◆ About this task ◆
When you reach the line that contains "#157=IFCINDEXEDPOLYGONALFACE((1,3,4,2));" in the data below, start reproducing lines exactly, and stop after the line that contains "#164=IFCSHAPEREPRESENTATION(#79,'Body','Tessellation',(#163));".

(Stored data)
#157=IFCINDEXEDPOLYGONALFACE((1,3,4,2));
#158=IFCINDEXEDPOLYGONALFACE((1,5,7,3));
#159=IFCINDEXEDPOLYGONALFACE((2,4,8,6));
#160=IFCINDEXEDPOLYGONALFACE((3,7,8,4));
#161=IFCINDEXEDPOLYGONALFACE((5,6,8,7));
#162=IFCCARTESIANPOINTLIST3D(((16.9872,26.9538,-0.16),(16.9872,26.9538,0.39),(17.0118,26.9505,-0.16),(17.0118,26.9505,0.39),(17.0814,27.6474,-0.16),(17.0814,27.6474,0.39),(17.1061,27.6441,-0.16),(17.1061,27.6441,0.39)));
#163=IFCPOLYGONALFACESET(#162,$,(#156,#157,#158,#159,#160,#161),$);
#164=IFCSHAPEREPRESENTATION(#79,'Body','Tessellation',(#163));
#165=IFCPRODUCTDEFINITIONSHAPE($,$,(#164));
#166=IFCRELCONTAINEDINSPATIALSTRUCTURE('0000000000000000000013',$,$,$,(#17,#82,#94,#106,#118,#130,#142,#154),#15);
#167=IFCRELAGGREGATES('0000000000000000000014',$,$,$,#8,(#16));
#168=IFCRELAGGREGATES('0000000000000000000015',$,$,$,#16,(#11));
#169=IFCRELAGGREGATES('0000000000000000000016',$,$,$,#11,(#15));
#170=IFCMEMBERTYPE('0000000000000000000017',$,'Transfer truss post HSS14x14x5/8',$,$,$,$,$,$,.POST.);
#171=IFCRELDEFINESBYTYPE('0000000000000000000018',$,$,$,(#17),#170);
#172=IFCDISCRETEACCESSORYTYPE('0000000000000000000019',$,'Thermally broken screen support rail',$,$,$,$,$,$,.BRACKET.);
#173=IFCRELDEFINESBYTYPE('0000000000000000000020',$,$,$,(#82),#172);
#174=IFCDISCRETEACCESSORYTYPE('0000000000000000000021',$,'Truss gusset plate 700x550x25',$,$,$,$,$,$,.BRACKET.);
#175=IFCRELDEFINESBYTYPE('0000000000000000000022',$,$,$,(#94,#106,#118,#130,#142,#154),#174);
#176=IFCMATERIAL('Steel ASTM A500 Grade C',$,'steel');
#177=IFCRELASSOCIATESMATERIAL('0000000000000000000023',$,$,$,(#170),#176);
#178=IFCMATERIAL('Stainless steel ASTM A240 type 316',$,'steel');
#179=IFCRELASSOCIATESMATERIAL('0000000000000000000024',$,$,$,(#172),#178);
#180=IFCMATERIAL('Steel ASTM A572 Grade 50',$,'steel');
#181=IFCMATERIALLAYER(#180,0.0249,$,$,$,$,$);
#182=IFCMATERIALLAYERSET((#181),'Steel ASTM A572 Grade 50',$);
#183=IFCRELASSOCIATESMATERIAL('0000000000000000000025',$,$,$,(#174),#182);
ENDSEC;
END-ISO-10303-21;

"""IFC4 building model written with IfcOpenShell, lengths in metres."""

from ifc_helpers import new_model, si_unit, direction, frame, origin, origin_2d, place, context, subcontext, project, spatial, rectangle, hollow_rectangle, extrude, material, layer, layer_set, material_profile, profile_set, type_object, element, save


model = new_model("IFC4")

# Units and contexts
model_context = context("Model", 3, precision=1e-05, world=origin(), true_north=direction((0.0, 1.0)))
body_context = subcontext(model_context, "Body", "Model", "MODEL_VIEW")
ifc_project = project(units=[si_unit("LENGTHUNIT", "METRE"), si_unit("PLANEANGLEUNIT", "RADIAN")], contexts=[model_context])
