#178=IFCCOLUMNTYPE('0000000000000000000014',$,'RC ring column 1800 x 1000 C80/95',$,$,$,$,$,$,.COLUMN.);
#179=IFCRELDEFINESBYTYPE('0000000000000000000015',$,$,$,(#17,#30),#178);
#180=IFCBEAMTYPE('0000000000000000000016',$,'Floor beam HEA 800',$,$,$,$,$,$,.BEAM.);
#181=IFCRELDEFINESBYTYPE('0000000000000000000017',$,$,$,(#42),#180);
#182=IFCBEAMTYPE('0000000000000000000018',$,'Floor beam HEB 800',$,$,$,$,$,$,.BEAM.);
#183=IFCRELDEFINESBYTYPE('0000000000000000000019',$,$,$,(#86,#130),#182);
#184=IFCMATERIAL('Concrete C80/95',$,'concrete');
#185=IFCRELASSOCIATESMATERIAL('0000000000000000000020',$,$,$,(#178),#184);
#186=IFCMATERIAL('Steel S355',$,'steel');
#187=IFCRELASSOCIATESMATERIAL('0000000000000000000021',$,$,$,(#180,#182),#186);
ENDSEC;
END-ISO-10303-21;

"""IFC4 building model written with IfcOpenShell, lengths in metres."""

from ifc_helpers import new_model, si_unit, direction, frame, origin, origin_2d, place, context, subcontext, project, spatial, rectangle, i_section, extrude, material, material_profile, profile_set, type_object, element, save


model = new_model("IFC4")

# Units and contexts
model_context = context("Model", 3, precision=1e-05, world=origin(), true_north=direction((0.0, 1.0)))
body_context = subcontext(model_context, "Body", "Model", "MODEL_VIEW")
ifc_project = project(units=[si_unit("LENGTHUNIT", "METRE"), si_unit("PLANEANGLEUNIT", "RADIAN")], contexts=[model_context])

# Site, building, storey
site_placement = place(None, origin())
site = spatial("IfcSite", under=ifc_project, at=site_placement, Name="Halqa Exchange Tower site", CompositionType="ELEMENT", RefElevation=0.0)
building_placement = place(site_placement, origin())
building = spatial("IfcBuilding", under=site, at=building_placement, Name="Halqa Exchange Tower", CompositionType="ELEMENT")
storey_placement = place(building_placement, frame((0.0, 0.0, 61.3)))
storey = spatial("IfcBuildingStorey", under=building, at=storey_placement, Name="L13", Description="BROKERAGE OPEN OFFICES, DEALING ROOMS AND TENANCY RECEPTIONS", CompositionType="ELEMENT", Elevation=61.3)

--

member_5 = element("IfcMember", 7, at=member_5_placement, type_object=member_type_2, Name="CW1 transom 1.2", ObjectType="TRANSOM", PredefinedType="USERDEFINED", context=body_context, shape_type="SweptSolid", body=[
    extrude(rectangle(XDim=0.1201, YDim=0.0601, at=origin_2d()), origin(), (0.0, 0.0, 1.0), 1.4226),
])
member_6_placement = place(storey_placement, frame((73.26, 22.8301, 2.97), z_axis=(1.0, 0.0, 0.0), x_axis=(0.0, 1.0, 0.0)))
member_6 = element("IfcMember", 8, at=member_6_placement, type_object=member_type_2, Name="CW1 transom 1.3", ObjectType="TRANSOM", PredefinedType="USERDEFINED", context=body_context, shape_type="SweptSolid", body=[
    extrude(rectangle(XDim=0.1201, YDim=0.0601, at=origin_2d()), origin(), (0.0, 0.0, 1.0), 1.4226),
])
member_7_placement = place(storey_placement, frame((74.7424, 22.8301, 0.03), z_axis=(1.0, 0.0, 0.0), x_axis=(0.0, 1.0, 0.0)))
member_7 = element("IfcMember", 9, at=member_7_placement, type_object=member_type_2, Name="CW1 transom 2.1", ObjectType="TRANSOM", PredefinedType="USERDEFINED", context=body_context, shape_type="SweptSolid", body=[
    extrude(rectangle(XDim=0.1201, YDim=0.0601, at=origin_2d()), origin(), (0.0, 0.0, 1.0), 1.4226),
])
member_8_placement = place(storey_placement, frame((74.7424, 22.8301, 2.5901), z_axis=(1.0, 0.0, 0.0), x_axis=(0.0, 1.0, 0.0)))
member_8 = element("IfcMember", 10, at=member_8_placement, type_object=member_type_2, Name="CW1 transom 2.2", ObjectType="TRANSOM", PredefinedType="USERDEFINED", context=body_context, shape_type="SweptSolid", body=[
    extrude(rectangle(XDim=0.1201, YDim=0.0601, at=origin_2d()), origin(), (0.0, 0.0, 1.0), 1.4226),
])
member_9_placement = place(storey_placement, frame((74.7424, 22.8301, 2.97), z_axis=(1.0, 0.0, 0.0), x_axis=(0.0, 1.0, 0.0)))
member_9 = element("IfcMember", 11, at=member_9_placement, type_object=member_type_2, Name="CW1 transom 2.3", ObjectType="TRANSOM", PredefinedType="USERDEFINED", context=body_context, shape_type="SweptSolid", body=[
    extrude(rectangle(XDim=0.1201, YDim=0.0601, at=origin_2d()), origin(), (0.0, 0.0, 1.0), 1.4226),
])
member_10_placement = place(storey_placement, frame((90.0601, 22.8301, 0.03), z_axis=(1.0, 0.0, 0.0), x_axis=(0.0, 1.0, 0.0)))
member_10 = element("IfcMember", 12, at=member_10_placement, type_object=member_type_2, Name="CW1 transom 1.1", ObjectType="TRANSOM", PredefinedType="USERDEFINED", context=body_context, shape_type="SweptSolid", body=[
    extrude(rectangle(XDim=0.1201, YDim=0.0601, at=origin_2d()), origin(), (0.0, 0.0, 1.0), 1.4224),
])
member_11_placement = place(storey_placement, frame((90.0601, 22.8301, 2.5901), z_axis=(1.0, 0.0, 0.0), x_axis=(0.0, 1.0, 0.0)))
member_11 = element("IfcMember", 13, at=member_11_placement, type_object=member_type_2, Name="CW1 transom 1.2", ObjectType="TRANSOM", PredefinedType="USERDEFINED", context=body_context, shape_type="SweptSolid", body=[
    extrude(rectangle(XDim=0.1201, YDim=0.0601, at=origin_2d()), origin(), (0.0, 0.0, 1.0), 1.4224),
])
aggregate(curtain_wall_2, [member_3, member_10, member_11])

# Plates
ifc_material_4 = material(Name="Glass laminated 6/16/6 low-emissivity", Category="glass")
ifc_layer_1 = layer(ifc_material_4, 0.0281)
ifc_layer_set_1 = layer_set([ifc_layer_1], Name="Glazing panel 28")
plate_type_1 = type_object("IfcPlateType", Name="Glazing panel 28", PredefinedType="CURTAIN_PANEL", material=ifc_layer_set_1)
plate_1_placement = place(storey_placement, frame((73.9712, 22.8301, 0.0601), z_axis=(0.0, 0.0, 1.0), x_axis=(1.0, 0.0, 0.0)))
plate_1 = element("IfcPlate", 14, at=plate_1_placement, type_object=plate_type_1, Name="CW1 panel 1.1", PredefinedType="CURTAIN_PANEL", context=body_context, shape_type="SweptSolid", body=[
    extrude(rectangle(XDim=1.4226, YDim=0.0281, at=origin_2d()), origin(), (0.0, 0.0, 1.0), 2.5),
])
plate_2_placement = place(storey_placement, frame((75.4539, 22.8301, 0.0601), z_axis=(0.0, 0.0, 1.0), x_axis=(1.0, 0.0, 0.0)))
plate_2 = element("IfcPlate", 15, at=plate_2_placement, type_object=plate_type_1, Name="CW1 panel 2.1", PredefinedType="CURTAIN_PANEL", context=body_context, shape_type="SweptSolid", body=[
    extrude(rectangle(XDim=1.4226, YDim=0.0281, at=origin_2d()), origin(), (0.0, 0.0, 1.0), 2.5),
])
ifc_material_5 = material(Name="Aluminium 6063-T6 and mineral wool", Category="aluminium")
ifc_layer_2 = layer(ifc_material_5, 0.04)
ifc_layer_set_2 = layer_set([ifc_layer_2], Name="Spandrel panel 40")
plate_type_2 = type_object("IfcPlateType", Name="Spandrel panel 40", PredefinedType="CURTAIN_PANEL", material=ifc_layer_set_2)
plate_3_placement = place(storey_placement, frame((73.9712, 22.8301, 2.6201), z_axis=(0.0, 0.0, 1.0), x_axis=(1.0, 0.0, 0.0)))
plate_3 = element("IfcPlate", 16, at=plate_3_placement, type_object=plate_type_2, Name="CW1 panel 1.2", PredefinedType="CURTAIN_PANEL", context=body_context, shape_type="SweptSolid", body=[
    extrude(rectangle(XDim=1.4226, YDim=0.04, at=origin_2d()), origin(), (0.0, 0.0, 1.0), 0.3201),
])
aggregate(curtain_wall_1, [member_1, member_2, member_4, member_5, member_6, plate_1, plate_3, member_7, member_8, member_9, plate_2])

◆ Written response ◆
#157=IFCINDEXEDPOLYGONALFACE((1,3,4,2));
#158=IFCINDEXEDPOLYGONALFACE((1,5,7,3));
#159=IFCINDEXEDPOLYGONALFACE((2,4,8,6));
#160=IFCINDEXEDPOLYGONALFACE((3,7,8,4));
#161=IFCINDEXEDPOLYGONALFACE((5,6,8,7));
#162=IFCCARTESIANPOINTLIST3D(((16.9872,26.9538,-0.16),(16.9872,26.9538,0.39),(17.0118,26.9505,-0.16),(17.0118,26.9505,0.39),(17.0814,27.6474,-0.16),(17.0814,27.6474,0.39),(17.1061,27.6441,-0.16),(17.1061,27.6441,0.39)));
#163=IFCPOLYGONALFACESET(#162,$,(#156,#157,#158,#159,#160,#161),$);
#164=IFCSHAPEREPRESENTATION(#79,'Body','Tessellation',(#163));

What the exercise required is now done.